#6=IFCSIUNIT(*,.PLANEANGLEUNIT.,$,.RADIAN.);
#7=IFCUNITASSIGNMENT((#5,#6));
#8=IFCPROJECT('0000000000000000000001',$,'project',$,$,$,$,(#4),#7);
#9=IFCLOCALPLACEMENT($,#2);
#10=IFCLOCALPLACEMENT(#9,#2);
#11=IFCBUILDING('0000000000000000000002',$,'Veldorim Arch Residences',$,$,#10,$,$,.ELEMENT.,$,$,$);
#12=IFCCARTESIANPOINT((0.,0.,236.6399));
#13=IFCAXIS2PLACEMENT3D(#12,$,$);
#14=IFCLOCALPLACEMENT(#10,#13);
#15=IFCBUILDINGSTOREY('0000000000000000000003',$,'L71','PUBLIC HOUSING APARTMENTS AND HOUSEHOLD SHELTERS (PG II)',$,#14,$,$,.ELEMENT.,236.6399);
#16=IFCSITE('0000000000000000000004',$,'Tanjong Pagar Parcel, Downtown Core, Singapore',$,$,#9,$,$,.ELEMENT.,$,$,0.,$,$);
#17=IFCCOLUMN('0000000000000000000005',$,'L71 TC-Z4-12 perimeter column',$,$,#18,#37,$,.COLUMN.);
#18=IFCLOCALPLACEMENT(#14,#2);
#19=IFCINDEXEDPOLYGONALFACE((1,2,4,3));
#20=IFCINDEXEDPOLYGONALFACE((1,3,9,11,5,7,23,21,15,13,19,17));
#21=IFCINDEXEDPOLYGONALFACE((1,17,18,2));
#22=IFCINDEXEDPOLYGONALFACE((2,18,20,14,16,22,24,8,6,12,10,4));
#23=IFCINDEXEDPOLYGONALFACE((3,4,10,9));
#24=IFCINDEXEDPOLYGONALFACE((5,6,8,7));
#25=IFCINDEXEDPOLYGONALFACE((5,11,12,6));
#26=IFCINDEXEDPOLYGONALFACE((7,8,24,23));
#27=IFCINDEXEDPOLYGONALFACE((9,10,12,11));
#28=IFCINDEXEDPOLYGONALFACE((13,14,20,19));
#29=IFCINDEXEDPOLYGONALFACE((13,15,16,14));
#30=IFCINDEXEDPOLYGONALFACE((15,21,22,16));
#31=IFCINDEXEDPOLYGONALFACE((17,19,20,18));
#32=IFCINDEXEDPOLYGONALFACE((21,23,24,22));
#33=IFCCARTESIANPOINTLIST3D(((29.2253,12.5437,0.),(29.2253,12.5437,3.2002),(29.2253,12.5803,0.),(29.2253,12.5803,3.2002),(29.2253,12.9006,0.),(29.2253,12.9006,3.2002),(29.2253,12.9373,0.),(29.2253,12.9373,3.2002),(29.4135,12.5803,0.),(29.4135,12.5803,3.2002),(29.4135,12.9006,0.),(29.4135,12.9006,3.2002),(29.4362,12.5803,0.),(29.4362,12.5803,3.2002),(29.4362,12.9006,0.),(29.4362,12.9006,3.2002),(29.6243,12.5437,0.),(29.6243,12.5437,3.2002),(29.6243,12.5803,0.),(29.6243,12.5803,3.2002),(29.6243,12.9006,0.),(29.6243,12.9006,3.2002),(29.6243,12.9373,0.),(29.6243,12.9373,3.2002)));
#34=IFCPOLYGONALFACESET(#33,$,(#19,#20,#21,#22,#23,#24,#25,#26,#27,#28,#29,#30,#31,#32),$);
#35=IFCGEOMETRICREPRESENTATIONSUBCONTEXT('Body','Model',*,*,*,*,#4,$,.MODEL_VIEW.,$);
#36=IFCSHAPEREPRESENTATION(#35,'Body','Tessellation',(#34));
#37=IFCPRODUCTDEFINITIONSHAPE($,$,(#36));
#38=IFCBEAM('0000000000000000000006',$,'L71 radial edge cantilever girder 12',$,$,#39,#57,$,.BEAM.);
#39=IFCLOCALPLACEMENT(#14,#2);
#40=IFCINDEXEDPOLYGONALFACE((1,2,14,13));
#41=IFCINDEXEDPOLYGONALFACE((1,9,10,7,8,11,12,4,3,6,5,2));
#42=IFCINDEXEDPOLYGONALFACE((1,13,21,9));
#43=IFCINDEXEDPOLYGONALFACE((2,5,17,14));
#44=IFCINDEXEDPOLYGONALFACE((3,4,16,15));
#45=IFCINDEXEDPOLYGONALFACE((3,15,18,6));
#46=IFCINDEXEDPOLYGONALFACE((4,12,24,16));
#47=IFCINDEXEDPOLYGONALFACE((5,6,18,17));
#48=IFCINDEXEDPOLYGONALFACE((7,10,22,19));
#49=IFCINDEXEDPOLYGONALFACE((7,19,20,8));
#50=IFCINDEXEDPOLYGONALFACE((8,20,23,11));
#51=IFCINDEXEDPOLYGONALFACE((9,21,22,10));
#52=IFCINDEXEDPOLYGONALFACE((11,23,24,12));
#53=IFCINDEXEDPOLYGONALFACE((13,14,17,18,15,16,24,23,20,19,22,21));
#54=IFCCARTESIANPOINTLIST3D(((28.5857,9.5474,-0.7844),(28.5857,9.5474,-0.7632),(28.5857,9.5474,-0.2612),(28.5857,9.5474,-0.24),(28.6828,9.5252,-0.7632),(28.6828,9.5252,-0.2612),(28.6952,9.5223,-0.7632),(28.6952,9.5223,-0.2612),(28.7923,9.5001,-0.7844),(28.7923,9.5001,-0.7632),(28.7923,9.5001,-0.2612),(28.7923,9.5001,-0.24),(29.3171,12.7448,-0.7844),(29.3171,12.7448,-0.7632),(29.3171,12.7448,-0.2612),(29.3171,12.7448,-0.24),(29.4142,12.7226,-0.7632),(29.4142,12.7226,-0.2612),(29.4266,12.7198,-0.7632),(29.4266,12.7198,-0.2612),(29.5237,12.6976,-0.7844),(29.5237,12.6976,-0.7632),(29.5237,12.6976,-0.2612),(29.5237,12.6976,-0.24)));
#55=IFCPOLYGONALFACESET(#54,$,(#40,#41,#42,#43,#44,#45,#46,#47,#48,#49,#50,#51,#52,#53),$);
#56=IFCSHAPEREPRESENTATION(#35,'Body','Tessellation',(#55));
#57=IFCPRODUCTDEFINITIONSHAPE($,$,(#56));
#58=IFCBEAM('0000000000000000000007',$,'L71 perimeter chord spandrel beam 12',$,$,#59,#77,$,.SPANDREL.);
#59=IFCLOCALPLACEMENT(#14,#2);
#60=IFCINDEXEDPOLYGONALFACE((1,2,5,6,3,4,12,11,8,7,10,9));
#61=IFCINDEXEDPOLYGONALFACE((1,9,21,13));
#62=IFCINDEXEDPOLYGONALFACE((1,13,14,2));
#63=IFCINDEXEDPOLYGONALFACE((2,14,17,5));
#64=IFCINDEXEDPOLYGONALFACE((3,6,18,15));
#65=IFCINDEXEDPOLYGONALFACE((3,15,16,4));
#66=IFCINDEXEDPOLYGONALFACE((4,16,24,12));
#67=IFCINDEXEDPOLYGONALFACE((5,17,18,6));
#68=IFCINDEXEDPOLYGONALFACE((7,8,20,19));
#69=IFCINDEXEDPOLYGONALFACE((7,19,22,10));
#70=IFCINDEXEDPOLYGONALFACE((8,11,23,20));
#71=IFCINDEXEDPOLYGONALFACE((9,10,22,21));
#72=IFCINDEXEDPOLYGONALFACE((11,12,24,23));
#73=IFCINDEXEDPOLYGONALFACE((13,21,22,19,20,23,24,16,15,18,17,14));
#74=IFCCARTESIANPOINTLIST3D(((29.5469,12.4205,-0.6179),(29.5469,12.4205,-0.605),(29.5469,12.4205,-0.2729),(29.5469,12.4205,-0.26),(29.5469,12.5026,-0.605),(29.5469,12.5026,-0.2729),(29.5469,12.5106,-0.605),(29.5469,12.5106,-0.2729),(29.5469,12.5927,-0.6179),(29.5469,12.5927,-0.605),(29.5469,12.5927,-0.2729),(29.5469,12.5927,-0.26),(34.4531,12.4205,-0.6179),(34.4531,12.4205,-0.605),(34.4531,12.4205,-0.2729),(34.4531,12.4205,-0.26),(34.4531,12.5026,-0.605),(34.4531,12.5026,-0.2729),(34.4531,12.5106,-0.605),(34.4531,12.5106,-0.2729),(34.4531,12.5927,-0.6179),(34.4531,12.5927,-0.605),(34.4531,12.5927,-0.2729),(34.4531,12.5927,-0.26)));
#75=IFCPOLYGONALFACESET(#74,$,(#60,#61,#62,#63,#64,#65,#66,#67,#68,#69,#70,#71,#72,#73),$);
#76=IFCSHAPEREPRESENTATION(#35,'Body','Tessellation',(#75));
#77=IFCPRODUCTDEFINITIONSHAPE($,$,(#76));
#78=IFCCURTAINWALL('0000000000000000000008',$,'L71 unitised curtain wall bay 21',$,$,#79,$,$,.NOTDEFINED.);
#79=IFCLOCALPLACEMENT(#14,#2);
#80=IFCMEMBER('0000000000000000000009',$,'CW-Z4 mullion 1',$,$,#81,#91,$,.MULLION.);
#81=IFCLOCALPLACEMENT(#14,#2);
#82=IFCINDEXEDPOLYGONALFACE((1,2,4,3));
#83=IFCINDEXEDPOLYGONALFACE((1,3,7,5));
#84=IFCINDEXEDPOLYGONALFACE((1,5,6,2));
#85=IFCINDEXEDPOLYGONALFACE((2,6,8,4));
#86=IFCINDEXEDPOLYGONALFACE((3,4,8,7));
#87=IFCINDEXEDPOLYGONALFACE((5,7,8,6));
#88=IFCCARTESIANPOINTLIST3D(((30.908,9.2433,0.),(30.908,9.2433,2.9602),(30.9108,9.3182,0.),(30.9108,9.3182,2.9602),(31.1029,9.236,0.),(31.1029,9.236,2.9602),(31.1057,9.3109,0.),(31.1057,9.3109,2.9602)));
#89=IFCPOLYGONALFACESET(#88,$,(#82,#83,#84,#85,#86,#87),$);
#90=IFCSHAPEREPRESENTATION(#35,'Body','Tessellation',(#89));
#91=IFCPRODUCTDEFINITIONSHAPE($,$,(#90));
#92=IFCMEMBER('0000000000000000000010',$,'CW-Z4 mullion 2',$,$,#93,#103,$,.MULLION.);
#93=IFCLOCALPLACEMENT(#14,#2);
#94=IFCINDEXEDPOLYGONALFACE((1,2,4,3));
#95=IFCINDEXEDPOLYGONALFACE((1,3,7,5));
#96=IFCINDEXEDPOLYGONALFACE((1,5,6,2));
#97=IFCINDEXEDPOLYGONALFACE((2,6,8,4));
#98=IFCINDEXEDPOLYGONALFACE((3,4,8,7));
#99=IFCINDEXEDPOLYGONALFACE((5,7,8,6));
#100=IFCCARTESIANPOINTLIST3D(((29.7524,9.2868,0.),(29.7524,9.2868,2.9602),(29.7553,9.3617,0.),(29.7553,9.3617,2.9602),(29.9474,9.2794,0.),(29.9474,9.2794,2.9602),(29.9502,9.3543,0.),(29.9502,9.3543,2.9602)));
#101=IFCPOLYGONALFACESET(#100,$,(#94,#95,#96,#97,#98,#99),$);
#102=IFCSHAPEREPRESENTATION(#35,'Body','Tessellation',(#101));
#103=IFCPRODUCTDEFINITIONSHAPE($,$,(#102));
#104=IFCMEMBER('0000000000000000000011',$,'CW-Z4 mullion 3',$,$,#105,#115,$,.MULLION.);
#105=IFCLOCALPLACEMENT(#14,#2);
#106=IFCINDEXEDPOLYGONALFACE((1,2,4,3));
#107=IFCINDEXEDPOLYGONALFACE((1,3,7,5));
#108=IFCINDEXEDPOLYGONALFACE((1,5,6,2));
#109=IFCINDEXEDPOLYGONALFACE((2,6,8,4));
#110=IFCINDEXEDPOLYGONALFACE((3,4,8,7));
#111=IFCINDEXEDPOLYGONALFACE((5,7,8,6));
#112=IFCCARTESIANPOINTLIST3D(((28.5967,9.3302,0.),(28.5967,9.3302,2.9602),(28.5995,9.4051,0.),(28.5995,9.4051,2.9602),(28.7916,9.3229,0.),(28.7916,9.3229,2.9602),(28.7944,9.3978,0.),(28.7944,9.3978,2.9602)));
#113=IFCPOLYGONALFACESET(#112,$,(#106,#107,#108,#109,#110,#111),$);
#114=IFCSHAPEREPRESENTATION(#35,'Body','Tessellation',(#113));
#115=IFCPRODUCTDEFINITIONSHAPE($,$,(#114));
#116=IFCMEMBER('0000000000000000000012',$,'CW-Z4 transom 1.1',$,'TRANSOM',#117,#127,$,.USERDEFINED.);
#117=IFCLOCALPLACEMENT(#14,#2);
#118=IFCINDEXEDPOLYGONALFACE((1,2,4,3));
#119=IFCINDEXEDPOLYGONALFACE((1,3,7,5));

============

• [Work required]: Return only the lines between the one holding "#58=IFCBEAM('0000000000000000000007',$,'L71 perimeter chord" and the one holding "#76=IFCSHAPEREPRESENTATION(#35,'Body','Tessellation',(#75));", inclusive, exactly as they appear above.

• [Output of the exercise]:
#58=IFCBEAM('0000000000000000000007',$,'L71 perimeter chord spandrel beam 12',$,$,#59,#77,$,.SPANDREL.);
#59=IFCLOCALPLACEMENT(#14,#2);
#60=IFCINDEXEDPOLYGONALFACE((1,2,5,6,3,4,12,11,8,7,10,9));
#61=IFCINDEXEDPOLYGONALFACE((1,9,21,13));
#62=IFCINDEXEDPOLYGONALFACE((1,13,14,2));
#63=IFCINDEXEDPOLYGONALFACE((2,14,17,5));
#64=IFCINDEXEDPOLYGONALFACE((3,6,18,15));
#65=IFCINDEXEDPOLYGONALFACE((3,15,16,4));
#66=IFCINDEXEDPOLYGONALFACE((4,16,24,12));
#67=IFCINDEXEDPOLYGONALFACE((5,17,18,6));
#68=IFCINDEXEDPOLYGONALFACE((7,8,20,19));
#69=IFCINDEXEDPOLYGONALFACE((7,19,22,10));
#70=IFCINDEXEDPOLYGONALFACE((8,11,23,20));
#71=IFCINDEXEDPOLYGONALFACE((9,10,22,21));
#72=IFCINDEXEDPOLYGONALFACE((11,12,24,23));
#73=IFCINDEXEDPOLYGONALFACE((13,21,22,19,20,23,24,16,15,18,17,14));
#74=IFCCARTESIANPOINTLIST3D(((29.5469,12.4205,-0.6179),(29.5469,12.4205,-0.605),(29.5469,12.4205,-0.2729),(29.5469,12.4205,-0.26),(29.5469,12.5026,-0.605),(29.5469,12.5026,-0.2729),(29.5469,12.5106,-0.605),(29.5469,12.5106,-0.2729),(29.5469,12.5927,-0.6179),(29.5469,12.5927,-0.605),(29.5469,12.5927,-0.2729),(29.5469,12.5927,-0.26),(34.4531,12.4205,-0.6179),(34.4531,12.4205,-0.605),(34.4531,12.4205,-0.2729),(34.4531,12.4205,-0.26),(34.4531,12.5026,-0.605),(34.4531,12.5026,-0.2729),(34.4531,12.5106,-0.605),(34.4531,12.5106,-0.2729),(34.4531,12.5927,-0.6179),(34.4531,12.5927,-0.605),(34.4531,12.5927,-0.2729),(34.4531,12.5927,-0.26)));
#75=IFCPOLYGONALFACESET(#74,$,(#60,#61,#62,#63,#64,#65,#66,#67,#68,#69,#70,#71,#72,#73),$);
#76=IFCSHAPEREPRESENTATION(#35,'Body','Tessellation',(#75));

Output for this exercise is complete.